Records drawn from a dataset
+ + + + +
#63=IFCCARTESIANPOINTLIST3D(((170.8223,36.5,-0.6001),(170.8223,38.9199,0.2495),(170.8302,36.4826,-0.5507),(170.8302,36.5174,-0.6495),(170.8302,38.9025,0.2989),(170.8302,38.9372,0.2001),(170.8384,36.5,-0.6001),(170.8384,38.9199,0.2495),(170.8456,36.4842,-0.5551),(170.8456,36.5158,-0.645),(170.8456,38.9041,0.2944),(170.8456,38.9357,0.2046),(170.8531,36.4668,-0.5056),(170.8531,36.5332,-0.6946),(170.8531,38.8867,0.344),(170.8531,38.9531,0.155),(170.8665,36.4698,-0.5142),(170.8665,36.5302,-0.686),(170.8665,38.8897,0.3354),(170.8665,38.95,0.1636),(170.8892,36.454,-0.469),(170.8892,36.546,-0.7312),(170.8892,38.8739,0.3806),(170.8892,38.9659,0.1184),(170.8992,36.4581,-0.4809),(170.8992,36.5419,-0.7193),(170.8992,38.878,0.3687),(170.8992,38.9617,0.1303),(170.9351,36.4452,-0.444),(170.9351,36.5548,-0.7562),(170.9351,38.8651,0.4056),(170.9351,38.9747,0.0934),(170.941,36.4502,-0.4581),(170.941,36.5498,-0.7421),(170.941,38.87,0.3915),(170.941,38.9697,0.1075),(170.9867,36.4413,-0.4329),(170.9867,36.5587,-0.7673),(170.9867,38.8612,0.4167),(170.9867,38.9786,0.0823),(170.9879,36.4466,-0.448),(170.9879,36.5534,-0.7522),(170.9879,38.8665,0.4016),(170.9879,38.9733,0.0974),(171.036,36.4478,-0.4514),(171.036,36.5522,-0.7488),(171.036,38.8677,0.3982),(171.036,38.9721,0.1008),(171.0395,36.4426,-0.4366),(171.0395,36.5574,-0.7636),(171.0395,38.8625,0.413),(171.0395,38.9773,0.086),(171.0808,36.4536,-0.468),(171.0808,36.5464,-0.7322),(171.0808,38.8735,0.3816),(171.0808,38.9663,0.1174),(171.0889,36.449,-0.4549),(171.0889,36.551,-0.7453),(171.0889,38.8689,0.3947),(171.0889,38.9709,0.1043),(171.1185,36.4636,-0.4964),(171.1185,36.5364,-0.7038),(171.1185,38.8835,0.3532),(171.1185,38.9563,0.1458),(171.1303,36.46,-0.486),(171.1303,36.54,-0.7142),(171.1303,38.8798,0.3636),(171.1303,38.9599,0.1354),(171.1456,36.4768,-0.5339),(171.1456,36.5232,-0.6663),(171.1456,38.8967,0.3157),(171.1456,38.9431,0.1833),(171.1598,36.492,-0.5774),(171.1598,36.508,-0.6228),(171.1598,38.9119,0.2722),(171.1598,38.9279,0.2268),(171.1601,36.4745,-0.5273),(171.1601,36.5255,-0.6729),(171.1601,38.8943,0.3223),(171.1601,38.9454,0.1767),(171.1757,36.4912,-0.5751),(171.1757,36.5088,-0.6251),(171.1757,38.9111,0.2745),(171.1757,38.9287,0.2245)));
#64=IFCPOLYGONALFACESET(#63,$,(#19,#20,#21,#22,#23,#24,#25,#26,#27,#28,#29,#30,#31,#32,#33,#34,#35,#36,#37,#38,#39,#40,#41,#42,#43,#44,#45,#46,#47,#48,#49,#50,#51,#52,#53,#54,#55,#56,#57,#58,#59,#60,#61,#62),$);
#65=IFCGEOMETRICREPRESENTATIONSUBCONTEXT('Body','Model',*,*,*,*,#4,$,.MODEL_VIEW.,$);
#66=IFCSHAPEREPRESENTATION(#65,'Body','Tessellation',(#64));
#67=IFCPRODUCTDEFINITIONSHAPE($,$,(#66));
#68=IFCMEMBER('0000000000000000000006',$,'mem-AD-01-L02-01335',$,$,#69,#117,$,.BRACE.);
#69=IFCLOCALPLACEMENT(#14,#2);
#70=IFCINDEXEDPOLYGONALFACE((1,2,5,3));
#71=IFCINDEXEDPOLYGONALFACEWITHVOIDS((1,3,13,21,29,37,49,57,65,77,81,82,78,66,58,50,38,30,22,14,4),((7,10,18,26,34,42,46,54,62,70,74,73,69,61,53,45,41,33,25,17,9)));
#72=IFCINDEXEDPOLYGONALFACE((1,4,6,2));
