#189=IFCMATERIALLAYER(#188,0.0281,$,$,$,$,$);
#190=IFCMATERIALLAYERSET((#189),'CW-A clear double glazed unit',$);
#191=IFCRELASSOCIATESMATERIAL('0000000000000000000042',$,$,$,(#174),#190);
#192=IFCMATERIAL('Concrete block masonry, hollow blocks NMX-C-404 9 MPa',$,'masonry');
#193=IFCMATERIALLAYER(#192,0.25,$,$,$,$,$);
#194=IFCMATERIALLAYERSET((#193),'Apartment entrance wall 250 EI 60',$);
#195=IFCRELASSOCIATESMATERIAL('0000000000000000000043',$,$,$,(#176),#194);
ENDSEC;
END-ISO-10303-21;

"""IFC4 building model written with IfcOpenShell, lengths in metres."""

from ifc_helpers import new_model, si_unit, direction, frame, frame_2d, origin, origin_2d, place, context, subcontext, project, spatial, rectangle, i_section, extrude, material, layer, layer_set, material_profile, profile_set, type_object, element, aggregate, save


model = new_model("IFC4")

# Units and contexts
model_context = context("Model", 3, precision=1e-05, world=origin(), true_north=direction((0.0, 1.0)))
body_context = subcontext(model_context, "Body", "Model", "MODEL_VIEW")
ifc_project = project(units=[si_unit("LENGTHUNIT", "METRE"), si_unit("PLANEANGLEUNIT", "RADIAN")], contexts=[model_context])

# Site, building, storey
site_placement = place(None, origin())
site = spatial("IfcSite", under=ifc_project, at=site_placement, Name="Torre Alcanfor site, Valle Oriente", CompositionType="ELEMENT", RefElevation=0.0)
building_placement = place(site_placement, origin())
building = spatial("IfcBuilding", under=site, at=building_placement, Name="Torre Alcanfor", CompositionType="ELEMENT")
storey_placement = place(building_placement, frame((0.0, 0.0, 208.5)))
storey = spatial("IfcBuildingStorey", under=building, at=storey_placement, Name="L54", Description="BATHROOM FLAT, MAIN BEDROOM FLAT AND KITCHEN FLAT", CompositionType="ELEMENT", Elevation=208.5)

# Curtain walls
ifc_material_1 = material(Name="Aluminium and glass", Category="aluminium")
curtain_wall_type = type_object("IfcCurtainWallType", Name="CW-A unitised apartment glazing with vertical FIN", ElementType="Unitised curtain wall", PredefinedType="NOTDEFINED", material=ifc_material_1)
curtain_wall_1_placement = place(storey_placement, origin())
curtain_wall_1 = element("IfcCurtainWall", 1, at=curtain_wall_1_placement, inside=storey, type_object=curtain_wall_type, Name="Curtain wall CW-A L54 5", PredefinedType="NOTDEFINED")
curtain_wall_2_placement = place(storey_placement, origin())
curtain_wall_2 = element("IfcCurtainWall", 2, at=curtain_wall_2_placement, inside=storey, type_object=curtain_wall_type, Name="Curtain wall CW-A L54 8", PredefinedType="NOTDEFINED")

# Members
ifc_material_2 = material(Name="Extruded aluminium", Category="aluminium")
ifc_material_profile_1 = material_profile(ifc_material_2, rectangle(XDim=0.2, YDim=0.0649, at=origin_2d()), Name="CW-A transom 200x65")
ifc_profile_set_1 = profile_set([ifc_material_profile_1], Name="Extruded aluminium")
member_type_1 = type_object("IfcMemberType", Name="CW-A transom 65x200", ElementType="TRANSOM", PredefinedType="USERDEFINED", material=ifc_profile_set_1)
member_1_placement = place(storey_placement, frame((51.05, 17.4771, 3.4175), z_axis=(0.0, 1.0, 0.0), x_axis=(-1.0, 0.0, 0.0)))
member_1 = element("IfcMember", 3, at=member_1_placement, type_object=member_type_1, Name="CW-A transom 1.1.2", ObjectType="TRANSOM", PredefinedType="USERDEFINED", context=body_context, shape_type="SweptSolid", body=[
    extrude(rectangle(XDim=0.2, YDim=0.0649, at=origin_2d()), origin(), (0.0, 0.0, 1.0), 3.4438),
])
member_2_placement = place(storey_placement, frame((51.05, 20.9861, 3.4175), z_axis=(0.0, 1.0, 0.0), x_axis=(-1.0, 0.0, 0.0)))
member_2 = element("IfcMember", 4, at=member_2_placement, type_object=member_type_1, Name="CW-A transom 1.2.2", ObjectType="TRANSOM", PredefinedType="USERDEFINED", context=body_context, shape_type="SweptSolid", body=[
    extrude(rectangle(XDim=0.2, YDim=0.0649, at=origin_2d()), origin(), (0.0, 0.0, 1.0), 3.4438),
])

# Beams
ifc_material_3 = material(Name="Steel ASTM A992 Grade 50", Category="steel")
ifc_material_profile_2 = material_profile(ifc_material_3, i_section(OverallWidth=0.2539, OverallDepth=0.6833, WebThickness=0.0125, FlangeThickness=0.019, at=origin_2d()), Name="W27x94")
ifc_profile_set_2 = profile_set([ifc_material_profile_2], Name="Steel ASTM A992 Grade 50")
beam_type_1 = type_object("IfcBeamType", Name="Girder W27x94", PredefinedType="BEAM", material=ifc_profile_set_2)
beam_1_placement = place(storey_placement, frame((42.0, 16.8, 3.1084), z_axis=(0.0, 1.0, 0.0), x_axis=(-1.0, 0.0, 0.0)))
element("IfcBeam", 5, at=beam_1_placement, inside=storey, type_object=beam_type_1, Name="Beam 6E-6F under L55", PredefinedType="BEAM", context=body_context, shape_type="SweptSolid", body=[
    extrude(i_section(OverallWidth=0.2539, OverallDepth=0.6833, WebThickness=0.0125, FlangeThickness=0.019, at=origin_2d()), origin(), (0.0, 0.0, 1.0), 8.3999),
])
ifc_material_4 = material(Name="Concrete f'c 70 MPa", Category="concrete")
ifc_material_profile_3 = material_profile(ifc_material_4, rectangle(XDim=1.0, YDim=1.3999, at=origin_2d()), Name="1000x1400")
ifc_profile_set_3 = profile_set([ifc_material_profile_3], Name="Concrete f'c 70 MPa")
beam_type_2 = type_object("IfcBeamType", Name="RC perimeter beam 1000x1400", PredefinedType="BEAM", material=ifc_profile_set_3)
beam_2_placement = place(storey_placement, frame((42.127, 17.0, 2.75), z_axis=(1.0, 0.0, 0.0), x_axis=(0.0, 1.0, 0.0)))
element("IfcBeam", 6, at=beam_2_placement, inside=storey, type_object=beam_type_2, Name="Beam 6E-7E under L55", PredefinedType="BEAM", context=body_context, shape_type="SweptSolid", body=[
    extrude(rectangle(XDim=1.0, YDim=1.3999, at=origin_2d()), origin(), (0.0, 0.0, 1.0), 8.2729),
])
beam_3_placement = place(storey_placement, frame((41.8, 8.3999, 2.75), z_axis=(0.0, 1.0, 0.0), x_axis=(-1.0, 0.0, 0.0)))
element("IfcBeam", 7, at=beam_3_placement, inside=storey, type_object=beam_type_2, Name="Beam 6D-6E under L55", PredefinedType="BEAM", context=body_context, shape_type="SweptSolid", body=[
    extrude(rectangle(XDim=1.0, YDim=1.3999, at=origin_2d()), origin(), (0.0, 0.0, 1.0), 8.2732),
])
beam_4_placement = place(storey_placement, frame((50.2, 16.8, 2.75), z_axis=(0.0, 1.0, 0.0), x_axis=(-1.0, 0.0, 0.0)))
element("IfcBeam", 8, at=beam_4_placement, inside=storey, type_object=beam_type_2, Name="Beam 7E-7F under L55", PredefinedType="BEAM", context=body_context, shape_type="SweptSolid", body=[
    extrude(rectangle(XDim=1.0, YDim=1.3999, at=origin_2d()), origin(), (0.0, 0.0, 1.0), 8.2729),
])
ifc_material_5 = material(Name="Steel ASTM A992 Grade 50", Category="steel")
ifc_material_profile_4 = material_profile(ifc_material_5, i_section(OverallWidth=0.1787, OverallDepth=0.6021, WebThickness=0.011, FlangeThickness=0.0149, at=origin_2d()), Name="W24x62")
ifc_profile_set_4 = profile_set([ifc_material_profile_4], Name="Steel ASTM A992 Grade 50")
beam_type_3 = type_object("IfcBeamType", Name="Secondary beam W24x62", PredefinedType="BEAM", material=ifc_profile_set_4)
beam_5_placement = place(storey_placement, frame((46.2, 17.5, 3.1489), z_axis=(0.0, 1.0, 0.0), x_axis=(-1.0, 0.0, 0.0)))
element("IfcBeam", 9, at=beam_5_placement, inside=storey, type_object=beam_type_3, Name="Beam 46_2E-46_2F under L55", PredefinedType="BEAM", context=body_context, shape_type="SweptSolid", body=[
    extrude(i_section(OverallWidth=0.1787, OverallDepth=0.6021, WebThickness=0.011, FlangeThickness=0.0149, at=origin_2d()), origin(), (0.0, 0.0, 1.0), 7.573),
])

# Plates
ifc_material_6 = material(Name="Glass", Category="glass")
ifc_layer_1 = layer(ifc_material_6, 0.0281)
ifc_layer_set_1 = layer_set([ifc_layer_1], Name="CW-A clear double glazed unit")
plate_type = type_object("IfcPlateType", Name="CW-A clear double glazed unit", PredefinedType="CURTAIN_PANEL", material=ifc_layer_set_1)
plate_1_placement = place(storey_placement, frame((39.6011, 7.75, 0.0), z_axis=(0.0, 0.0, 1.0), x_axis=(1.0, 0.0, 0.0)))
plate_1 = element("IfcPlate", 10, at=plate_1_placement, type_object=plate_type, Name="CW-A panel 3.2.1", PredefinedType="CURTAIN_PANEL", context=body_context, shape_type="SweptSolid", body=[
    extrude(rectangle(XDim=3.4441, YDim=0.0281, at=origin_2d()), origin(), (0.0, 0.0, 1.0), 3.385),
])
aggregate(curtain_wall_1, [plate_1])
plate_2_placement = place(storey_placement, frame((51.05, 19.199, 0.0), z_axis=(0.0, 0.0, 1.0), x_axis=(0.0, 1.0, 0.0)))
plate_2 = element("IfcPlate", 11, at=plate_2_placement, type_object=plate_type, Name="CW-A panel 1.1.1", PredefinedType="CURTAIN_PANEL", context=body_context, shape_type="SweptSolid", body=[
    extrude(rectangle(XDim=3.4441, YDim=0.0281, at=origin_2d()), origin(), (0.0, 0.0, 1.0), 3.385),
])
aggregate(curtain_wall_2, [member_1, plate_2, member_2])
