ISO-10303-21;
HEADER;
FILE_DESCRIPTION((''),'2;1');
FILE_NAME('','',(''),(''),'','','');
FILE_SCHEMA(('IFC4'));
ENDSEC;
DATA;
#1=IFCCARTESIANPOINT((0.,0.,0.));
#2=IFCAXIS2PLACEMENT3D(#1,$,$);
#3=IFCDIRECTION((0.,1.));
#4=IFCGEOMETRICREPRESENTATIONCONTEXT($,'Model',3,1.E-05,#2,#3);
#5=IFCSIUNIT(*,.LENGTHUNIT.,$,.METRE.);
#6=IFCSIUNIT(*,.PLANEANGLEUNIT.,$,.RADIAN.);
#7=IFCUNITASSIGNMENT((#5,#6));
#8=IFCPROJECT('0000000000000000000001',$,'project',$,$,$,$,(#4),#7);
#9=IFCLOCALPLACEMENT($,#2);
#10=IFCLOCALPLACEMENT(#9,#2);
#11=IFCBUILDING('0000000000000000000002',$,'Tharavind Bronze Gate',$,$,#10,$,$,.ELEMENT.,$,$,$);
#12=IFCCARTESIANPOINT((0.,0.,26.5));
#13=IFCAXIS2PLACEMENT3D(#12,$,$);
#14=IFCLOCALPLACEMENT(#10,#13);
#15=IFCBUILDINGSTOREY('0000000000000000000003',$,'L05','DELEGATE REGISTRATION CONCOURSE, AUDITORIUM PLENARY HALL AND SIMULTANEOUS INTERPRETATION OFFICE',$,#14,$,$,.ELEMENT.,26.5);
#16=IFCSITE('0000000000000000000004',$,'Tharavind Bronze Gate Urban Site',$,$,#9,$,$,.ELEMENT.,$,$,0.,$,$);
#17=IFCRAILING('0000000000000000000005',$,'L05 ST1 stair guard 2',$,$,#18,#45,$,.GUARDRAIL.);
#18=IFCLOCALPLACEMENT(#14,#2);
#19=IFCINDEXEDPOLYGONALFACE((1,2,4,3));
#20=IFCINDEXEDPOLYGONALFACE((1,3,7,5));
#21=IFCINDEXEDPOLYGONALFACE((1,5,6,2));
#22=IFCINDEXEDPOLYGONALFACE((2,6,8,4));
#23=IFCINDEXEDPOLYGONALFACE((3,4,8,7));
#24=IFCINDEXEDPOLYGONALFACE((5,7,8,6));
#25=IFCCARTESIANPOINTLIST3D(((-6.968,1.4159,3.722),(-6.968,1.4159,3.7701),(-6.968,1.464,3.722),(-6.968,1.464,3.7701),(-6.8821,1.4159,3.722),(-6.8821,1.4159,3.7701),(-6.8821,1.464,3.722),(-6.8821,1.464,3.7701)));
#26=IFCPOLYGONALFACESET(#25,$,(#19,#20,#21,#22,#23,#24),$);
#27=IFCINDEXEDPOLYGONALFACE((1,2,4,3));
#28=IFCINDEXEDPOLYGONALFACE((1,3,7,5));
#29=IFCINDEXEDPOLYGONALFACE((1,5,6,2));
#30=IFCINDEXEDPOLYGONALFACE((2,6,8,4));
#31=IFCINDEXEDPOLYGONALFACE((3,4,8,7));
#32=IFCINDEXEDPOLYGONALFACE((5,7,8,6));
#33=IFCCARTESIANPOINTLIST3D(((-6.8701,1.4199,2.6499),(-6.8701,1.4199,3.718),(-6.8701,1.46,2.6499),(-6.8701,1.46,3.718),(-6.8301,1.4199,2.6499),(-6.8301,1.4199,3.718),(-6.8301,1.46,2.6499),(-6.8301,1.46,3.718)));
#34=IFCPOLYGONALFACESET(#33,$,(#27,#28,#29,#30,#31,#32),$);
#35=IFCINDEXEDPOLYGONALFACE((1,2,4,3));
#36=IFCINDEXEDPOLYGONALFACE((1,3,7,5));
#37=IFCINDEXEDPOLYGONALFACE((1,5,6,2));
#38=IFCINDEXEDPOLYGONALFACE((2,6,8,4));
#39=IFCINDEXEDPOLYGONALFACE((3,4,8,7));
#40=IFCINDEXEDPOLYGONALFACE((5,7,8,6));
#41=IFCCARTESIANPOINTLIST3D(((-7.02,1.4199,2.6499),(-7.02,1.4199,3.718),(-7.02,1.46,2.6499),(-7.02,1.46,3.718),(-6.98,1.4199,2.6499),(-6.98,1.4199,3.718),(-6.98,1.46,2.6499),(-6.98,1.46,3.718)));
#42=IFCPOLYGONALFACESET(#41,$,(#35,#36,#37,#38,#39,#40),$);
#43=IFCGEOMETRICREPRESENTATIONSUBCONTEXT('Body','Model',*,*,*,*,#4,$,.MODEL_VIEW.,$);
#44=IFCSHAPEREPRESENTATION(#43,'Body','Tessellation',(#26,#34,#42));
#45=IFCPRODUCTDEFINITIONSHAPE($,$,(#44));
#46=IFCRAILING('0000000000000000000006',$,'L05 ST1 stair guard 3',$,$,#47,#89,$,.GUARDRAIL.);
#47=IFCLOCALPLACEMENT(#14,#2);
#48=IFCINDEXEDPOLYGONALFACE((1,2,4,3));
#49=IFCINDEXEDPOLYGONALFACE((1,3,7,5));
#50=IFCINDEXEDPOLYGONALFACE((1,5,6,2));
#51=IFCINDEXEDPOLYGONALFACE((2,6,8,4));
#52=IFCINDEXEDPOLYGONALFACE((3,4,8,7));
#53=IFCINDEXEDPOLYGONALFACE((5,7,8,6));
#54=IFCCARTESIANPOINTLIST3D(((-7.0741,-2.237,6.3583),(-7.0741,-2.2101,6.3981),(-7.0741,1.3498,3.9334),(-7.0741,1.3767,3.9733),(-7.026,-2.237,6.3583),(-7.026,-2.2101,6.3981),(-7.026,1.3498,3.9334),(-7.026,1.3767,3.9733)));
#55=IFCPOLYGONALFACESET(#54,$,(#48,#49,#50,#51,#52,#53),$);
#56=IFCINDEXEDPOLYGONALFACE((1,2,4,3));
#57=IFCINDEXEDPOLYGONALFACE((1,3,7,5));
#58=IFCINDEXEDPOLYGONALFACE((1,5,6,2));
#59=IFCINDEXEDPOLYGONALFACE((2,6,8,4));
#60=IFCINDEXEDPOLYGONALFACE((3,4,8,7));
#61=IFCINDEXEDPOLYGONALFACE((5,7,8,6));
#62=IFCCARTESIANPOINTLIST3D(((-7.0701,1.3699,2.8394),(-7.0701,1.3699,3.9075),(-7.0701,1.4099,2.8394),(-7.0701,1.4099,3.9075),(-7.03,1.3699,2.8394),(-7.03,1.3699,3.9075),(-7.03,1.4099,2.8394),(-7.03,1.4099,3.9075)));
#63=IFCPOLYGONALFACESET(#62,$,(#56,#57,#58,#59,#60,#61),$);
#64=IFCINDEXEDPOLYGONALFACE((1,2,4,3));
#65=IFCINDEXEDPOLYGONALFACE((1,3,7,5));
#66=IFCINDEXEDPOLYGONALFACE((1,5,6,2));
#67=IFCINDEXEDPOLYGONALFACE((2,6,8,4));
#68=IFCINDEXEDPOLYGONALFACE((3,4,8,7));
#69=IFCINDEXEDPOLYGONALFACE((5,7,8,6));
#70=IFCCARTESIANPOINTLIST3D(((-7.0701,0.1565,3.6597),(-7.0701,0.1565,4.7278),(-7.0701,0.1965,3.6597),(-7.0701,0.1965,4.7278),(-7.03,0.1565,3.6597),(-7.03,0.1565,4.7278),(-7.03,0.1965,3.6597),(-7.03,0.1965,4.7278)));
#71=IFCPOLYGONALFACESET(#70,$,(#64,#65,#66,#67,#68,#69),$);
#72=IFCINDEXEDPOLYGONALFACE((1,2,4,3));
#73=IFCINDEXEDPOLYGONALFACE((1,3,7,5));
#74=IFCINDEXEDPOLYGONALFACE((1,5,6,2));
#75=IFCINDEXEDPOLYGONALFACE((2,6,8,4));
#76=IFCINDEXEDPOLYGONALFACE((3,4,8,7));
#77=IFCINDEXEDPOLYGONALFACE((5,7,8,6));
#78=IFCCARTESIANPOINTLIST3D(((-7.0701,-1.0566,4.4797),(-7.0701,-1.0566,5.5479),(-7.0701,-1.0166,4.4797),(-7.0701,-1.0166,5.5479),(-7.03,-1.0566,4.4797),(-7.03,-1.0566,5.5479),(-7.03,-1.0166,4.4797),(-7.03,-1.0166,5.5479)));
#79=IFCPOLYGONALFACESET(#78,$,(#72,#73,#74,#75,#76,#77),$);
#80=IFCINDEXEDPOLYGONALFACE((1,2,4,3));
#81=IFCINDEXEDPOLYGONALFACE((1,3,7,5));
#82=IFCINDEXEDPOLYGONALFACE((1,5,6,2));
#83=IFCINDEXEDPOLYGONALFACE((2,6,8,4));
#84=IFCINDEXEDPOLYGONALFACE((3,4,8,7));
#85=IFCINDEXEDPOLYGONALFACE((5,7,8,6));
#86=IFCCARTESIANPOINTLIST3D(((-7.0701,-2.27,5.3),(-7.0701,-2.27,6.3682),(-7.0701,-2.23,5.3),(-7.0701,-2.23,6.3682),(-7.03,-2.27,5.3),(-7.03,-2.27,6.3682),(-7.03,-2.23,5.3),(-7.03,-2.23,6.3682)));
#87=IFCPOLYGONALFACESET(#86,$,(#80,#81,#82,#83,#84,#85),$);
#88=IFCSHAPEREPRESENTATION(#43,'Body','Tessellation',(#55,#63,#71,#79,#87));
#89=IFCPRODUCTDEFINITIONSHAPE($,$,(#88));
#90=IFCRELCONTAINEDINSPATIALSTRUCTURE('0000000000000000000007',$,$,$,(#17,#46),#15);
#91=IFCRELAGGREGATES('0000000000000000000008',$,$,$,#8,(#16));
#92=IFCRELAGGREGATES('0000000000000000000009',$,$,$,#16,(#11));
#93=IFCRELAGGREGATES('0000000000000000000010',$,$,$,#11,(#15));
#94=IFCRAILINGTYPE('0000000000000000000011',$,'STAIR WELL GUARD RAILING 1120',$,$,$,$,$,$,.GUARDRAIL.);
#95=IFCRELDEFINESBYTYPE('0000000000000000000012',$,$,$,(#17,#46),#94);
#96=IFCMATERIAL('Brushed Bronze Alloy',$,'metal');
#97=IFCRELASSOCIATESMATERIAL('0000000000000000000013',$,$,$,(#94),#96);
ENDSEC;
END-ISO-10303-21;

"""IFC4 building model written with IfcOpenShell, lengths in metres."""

from ifc_helpers import new_model, si_unit, direction, frame, origin, origin_2d, place, context, subcontext, project, spatial, rectangle, extrude, material, type_object, element, save


model = new_model("IFC4")

# Units and contexts
model_context = context("Model", 3, precision=1e-05, world=origin(), true_north=direction((0.0, 1.0)))
body_context = subcontext(model_context, "Body", "Model", "MODEL_VIEW")
ifc_project = project(units=[si_unit("LENGTHUNIT", "METRE"), si_unit("PLANEANGLEUNIT", "RADIAN")], contexts=[model_context])

# Site, building, storey
site_placement = place(None, origin())
site = spatial("IfcSite", under=ifc_project, at=site_placement, Name="Tharavind Bronze Gate Urban Site", CompositionType="ELEMENT", RefElevation=0.0)
building_placement = place(site_placement, origin())
building = spatial("IfcBuilding", under=site, at=building_placement, Name="Tharavind Bronze Gate", CompositionType="ELEMENT")
storey_placement = place(building_placement, frame((0.0, 0.0, 26.5)))
storey = spatial("IfcBuildingStorey", under=building, at=storey_placement, Name="L05", Description="DELEGATE REGISTRATION CONCOURSE, AUDITORIUM PLENARY HALL AND SIMULTANEOUS INTERPRETATION OFFICE", CompositionType="ELEMENT", Elevation=26.5)

# Railings
ifc_material_1 = material(Name="Brushed Bronze Alloy", Category="metal")
railing_type_1 = type_object("IfcRailingType", Name="STAIR WELL GUARD RAILING 1120", PredefinedType="GUARDRAIL", material=ifc_material_1)
railing_1_placement = place(storey_placement, frame((-6.8501, 1.4399, 2.6499)))
element("IfcRailing", 1, at=railing_1_placement, inside=storey, type_object=railing_type_1, Name="L05 ST1 stair guard 2", PredefinedType="GUARDRAIL", context=body_context, shape_type="SweptSolid", body=[
    extrude(rectangle(XDim=0.0481, YDim=0.0481, at=origin_2d()), frame((-0.032, 0.0, 1.0962), z_axis=(-1.0, 0.0, 0.0), x_axis=(0.0, -1.0, 0.0)), (0.0, 0.0, 1.0), 0.0859),
    extrude(rectangle(XDim=0.04, YDim=0.04, at=origin_2d()), origin(), (0.0, 0.0, 1.0), 1.0681),
    extrude(rectangle(XDim=0.04, YDim=0.04, at=origin_2d()), frame((-0.1499, 0.0, 0.0)), (0.0, 0.0, 1.0), 1.0681),
])
railing_2_placement = place(storey_placement, frame((-7.05, 1.3899, 2.8394)))
element("IfcRailing", 2, at=railing_2_placement, inside=storey, type_object=railing_type_1, Name="L05 ST1 stair guard 3", PredefinedType="GUARDRAIL", context=body_context, shape_type="SweptSolid", body=[
    extrude(rectangle(XDim=0.0481, YDim=0.0481, at=origin_2d()), frame((0.0, -0.0266, 1.114), z_axis=(0.0, -0.828451, 0.560062), x_axis=(1.0, 0.0, 0.0)), (0.0, 0.0, 1.0), 4.3296),
    extrude(rectangle(XDim=0.04, YDim=0.04, at=origin_2d()), origin(), (0.0, 0.0, 1.0), 1.0681),
    extrude(rectangle(XDim=0.04, YDim=0.04, at=origin_2d()), frame((0.0, -1.2134, 0.8203)), (0.0, 0.0, 1.0), 1.0681),
    extrude(rectangle(XDim=0.04, YDim=0.04, at=origin_2d()), frame((0.0, -2.4265, 1.6404)), (0.0, 0.0, 1.0), 1.0681),
    extrude(rectangle(XDim=0.04, YDim=0.04, at=origin_2d()), frame((0.0, -3.6399, 2.4607)), (0.0, 0.0, 1.0), 1.0681),
])

save(model, "model.ifc")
+ + + + +
## WORK ORDER:
In the entries above, find each line with the word "IFCPRODUCTDEFINITIONSHAPE" and show it.

## EXERCISE RESPONSE:
#67=IFCPRODUCTDEFINITIONSHAPE($,$,(#66));
#45=IFCPRODUCTDEFINITIONSHAPE($,$,(#44));
#89=IFCPRODUCTDEFINITIONSHAPE($,$,(#88));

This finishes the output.